* Your task *
Only certain lines below are wanted: those starting at the line containing "#101=IFCINDEXEDPOLYGONALFACE((5,7,8,6));" and ending at the line containing "#117=IFCPRODUCTDEFINITIONSHAPE($,$,(#116));", both included, each retyped exactly.

* Task material *
■ ■ ■

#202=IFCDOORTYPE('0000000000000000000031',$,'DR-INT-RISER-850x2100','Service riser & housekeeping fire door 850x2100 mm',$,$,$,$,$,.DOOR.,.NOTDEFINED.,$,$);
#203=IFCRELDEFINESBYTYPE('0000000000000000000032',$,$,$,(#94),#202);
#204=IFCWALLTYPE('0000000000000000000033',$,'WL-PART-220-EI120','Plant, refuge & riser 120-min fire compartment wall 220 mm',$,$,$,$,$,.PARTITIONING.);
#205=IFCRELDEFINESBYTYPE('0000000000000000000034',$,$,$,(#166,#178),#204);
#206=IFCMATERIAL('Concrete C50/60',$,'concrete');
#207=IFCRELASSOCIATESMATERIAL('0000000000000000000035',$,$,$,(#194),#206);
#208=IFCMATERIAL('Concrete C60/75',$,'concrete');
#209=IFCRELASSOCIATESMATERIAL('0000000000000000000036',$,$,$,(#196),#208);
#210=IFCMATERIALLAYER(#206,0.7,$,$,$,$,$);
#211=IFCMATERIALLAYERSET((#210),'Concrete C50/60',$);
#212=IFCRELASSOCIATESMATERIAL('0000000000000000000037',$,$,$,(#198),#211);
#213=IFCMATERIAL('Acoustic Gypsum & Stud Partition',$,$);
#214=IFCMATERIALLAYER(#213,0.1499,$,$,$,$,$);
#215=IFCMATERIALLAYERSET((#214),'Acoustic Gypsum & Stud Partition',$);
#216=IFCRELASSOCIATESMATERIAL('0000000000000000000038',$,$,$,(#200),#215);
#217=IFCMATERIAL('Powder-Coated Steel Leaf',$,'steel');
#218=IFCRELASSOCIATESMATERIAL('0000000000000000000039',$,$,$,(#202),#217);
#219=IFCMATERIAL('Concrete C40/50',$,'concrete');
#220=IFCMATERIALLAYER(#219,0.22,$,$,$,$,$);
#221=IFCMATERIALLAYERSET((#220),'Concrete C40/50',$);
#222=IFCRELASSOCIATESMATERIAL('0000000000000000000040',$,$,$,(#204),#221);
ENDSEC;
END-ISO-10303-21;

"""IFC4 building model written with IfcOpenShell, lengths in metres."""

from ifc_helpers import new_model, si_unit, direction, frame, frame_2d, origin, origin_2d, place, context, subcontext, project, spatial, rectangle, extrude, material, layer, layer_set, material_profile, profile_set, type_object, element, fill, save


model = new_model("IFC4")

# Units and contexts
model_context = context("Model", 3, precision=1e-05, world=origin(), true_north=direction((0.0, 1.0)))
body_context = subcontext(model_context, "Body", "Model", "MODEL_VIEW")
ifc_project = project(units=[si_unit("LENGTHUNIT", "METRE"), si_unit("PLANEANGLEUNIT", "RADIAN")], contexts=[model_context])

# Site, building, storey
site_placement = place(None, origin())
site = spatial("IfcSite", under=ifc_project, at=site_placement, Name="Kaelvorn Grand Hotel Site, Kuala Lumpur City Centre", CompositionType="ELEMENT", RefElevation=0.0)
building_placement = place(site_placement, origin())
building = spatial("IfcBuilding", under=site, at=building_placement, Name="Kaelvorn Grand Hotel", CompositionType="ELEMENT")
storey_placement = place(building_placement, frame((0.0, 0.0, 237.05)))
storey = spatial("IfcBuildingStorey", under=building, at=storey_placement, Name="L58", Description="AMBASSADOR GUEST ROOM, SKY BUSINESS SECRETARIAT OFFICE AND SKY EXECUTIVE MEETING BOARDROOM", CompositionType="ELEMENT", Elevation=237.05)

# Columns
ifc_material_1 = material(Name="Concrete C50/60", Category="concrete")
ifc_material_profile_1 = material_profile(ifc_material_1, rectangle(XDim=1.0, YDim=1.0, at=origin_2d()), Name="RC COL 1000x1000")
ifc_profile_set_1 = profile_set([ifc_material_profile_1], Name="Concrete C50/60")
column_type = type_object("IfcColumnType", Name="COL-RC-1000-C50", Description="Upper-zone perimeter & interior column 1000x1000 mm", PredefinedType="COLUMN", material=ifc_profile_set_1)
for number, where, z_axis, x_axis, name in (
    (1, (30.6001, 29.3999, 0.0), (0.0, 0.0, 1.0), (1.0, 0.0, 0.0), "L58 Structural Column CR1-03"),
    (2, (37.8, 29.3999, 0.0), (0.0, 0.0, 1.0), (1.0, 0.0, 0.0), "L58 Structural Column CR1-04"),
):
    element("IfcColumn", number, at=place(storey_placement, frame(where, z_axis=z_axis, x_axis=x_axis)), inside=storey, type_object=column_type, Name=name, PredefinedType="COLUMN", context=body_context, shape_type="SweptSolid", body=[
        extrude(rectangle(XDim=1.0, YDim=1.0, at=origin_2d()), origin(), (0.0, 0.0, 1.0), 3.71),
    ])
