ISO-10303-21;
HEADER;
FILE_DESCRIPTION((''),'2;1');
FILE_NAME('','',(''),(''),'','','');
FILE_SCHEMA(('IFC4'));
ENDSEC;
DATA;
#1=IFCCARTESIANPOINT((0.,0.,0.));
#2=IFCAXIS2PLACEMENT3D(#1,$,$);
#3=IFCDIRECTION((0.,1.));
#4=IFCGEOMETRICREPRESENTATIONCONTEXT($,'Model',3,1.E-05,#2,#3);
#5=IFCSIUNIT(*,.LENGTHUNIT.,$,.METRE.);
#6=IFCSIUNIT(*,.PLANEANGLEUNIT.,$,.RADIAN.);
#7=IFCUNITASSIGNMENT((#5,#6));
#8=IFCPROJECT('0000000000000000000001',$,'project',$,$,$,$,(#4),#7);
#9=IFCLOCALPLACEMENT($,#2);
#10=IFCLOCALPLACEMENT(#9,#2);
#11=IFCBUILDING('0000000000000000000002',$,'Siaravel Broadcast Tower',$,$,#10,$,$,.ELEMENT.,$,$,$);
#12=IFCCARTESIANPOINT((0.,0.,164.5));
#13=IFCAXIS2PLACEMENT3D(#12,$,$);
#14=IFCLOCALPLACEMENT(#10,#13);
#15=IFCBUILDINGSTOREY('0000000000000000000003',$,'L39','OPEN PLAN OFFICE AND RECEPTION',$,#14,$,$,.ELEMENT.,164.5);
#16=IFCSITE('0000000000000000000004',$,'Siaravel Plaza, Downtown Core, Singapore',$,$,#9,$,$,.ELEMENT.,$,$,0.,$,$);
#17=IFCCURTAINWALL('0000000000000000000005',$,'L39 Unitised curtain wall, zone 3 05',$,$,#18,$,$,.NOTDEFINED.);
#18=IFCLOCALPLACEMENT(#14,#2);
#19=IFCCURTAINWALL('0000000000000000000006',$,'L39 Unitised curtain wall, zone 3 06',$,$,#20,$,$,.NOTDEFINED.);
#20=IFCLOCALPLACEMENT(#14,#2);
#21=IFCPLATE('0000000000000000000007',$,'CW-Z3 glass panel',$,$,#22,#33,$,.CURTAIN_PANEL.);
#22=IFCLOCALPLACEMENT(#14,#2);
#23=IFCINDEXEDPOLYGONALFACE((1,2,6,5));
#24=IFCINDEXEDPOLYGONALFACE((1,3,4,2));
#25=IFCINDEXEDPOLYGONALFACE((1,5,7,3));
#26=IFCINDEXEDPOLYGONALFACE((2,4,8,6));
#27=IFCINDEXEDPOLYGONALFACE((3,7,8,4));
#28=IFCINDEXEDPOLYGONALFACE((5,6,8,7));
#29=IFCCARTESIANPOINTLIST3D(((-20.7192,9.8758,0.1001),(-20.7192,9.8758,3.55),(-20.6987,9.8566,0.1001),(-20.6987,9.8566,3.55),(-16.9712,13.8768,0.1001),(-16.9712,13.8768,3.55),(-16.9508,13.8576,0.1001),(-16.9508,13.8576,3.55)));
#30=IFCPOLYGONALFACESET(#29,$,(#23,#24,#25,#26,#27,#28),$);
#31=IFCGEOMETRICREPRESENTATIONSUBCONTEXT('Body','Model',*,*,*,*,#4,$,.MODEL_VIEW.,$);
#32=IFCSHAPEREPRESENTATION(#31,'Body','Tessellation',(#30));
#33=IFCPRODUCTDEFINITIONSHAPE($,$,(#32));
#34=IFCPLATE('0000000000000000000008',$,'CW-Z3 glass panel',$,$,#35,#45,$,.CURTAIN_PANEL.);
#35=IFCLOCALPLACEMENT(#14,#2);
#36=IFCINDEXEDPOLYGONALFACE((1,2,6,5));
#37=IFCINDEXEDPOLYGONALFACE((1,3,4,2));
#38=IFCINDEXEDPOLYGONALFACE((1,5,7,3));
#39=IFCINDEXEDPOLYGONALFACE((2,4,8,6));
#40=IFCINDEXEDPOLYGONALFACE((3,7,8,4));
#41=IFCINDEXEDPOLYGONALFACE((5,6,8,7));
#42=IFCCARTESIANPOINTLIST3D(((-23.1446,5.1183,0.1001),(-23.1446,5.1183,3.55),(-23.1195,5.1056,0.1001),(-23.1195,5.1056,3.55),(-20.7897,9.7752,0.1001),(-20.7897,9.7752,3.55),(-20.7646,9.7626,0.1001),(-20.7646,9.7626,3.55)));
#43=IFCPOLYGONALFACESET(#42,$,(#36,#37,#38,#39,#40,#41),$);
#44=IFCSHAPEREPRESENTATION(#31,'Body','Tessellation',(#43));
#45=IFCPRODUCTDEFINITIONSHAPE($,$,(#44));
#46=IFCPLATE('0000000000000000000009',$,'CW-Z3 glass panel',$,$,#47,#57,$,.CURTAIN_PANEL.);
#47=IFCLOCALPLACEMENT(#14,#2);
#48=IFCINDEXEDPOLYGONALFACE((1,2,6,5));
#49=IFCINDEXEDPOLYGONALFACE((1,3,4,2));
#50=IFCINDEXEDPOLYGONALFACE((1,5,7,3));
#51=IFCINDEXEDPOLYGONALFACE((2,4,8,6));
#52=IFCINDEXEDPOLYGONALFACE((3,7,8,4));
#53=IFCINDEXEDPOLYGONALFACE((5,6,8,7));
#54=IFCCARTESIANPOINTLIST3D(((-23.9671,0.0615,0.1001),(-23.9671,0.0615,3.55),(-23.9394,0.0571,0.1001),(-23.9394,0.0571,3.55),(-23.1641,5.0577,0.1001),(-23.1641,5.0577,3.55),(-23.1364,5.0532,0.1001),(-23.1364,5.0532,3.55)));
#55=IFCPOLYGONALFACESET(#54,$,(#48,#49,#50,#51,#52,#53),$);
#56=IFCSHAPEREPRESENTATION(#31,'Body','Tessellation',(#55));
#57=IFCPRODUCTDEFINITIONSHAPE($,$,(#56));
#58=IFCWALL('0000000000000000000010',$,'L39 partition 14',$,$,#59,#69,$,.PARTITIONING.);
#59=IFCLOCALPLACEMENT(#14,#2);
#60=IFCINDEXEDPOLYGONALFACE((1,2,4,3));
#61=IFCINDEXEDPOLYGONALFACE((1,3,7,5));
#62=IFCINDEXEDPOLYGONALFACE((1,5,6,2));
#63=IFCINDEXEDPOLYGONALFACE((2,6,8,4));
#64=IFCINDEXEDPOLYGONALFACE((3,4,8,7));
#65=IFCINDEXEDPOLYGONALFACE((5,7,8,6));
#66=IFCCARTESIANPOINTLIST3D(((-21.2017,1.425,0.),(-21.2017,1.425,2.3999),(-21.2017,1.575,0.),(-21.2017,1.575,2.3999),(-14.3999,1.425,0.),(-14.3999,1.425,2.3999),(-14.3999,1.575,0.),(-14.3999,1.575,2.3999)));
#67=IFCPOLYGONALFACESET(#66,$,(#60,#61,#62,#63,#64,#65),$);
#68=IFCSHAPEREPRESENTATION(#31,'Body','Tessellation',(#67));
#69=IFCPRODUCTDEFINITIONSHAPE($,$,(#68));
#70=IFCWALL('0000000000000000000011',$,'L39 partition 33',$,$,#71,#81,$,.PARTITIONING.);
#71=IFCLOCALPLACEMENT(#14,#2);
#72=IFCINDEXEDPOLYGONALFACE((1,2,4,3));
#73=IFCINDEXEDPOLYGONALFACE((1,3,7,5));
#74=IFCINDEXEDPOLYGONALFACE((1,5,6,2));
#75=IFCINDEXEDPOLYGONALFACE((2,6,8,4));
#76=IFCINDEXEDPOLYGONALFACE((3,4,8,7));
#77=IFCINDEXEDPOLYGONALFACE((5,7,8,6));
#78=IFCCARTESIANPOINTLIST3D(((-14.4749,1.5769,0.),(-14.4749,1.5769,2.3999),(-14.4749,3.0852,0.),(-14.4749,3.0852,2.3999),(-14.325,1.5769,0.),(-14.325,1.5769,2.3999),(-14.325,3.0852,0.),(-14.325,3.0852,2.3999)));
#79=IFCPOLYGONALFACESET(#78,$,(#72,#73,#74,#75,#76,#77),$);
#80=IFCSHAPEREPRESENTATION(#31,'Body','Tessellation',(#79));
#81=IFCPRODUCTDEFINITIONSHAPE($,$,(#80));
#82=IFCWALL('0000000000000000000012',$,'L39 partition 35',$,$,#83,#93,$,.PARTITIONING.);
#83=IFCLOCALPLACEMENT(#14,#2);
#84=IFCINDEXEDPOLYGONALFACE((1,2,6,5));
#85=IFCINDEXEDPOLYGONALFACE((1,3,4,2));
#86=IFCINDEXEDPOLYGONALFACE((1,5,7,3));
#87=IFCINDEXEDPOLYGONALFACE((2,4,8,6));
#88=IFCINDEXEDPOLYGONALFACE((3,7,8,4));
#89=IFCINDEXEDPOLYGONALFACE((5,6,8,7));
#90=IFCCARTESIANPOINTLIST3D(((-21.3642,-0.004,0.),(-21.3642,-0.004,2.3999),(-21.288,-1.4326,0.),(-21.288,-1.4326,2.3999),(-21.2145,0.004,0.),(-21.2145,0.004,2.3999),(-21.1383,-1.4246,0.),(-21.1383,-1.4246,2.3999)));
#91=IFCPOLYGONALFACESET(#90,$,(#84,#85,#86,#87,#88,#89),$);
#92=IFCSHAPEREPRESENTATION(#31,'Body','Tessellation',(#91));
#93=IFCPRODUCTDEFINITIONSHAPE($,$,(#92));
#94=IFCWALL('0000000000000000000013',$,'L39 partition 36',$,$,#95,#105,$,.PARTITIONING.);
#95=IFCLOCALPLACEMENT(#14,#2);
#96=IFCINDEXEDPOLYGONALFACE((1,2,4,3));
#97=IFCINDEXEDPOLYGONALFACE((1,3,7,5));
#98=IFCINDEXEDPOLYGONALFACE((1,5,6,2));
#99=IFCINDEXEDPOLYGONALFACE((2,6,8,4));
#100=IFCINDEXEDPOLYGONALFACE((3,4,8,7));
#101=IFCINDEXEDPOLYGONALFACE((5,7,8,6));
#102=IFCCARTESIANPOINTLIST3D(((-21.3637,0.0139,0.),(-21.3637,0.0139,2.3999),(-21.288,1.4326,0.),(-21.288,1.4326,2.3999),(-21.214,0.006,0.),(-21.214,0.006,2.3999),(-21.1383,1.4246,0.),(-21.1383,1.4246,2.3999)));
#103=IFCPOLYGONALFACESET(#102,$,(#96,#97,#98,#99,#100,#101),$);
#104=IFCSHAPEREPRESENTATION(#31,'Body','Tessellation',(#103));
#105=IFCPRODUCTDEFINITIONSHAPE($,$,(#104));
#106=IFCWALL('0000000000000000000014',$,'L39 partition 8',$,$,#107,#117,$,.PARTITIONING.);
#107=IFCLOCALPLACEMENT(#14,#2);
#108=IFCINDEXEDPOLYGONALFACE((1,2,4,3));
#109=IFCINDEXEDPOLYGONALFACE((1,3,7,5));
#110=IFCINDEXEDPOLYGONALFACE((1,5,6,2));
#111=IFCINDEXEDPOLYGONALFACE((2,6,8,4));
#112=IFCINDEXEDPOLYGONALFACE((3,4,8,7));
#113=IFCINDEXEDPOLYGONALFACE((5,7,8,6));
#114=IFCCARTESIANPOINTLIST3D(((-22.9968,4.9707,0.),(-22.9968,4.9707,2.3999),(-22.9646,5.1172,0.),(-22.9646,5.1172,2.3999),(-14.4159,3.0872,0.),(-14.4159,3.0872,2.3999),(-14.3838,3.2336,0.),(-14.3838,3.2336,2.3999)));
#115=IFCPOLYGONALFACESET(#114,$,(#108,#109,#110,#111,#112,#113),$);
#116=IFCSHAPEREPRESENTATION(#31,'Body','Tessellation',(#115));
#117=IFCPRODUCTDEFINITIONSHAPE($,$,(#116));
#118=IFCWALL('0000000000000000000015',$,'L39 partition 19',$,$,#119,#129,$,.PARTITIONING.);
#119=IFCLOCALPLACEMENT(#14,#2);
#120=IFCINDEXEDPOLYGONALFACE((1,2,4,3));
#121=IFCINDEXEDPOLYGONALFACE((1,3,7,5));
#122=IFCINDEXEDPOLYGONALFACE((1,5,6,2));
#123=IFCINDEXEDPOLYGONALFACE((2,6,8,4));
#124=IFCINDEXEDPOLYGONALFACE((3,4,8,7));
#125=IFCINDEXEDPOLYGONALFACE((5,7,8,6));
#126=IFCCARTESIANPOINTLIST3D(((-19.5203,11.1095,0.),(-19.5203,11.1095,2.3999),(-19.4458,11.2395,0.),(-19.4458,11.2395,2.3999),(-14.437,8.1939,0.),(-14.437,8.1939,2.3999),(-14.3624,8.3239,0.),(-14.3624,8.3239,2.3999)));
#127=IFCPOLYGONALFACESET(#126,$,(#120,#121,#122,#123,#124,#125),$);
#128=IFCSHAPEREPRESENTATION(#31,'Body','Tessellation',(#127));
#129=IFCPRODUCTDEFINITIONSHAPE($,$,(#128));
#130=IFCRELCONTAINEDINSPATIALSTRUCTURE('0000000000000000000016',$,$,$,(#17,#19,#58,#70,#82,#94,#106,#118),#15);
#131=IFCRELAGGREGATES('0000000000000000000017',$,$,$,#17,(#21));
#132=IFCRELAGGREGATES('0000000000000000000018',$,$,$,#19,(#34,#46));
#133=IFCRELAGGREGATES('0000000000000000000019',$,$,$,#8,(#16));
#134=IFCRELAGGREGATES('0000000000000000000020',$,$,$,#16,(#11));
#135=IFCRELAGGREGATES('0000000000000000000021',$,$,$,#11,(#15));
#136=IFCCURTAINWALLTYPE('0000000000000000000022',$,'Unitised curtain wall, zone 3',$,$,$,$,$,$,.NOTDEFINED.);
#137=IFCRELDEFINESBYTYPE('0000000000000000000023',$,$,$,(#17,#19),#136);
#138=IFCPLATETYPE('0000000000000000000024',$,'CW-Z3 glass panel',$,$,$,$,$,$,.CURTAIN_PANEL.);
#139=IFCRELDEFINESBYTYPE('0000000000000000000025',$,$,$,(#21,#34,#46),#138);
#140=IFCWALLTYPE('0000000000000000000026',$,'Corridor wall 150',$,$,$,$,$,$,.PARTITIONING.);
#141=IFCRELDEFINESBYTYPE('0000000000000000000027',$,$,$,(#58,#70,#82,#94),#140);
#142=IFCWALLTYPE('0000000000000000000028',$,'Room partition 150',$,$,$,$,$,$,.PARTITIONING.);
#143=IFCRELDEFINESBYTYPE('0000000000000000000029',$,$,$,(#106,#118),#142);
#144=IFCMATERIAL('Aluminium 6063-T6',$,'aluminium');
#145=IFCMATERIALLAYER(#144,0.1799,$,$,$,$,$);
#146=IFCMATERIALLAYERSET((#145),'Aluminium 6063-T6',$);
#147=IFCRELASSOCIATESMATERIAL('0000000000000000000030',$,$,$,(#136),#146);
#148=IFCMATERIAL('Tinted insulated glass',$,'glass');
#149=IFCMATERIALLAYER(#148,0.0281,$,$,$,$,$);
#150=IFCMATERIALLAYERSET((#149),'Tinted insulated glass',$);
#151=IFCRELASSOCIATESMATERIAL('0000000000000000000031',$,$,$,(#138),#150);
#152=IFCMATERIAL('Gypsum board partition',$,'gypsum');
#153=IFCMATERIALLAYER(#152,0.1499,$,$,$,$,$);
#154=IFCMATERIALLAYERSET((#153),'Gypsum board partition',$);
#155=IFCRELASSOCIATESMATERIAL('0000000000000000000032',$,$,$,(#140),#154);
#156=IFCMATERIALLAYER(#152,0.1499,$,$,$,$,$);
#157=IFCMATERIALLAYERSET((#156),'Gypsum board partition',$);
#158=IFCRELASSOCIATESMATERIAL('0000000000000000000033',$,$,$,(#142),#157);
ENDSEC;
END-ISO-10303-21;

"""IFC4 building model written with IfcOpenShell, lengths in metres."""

from ifc_helpers import new_model, si_unit, direction, frame, frame_2d, origin, origin_2d, place, context, subcontext, project, spatial, rectangle, extrude, material, layer, layer_set, type_object, element, aggregate, save


model = new_model("IFC4")

# Units and contexts
model_context = context("Model", 3, precision=1e-05, world=origin(), true_north=direction((0.0, 1.0)))
body_context = subcontext(model_context, "Body", "Model", "MODEL_VIEW")
ifc_project = project(units=[si_unit("LENGTHUNIT", "METRE"), si_unit("PLANEANGLEUNIT", "RADIAN")], contexts=[model_context])

# Site, building, storey
site_placement = place(None, origin())
site = spatial("IfcSite", under=ifc_project, at=site_placement, Name="Siaravel Plaza, Downtown Core, Singapore", CompositionType="ELEMENT", RefElevation=0.0)
building_placement = place(site_placement, origin())
building = spatial("IfcBuilding", under=site, at=building_placement, Name="Siaravel Broadcast Tower", CompositionType="ELEMENT")
storey_placement = place(building_placement, frame((0.0, 0.0, 164.5)))
storey = spatial("IfcBuildingStorey", under=building, at=storey_placement, Name="L39", Description="OPEN PLAN OFFICE AND RECEPTION", CompositionType="ELEMENT", Elevation=164.5)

■ ■ ■

* Answer *
#101=IFCINDEXEDPOLYGONALFACE((5,7,8,6));
#102=IFCCARTESIANPOINTLIST3D(((-21.3637,0.0139,0.),(-21.3637,0.0139,2.3999),(-21.288,1.4326,0.),(-21.288,1.4326,2.3999),(-21.214,0.006,0.),(-21.214,0.006,2.3999),(-21.1383,1.4246,0.),(-21.1383,1.4246,2.3999)));
#103=IFCPOLYGONALFACESET(#102,$,(#96,#97,#98,#99,#100,#101),$);
#104=IFCSHAPEREPRESENTATION(#31,'Body','Tessellation',(#103));
#105=IFCPRODUCTDEFINITIONSHAPE($,$,(#104));
#106=IFCWALL('0000000000000000000014',$,'L39 partition 8',$,$,#107,#117,$,.PARTITIONING.);
#107=IFCLOCALPLACEMENT(#14,#2);
#108=IFCINDEXEDPOLYGONALFACE((1,2,4,3));
#109=IFCINDEXEDPOLYGONALFACE((1,3,7,5));
#110=IFCINDEXEDPOLYGONALFACE((1,5,6,2));
#111=IFCINDEXEDPOLYGONALFACE((2,6,8,4));
#112=IFCINDEXEDPOLYGONALFACE((3,4,8,7));
#113=IFCINDEXEDPOLYGONALFACE((5,7,8,6));
#114=IFCCARTESIANPOINTLIST3D(((-22.9968,4.9707,0.),(-22.9968,4.9707,2.3999),(-22.9646,5.1172,0.),(-22.9646,5.1172,2.3999),(-14.4159,3.0872,0.),(-14.4159,3.0872,2.3999),(-14.3838,3.2336,0.),(-14.3838,3.2336,2.3999)));
#115=IFCPOLYGONALFACESET(#114,$,(#108,#109,#110,#111,#112,#113),$);
#116=IFCSHAPEREPRESENTATION(#31,'Body','Tessellation',(#115));
#117=IFCPRODUCTDEFINITIONSHAPE($,$,(#116));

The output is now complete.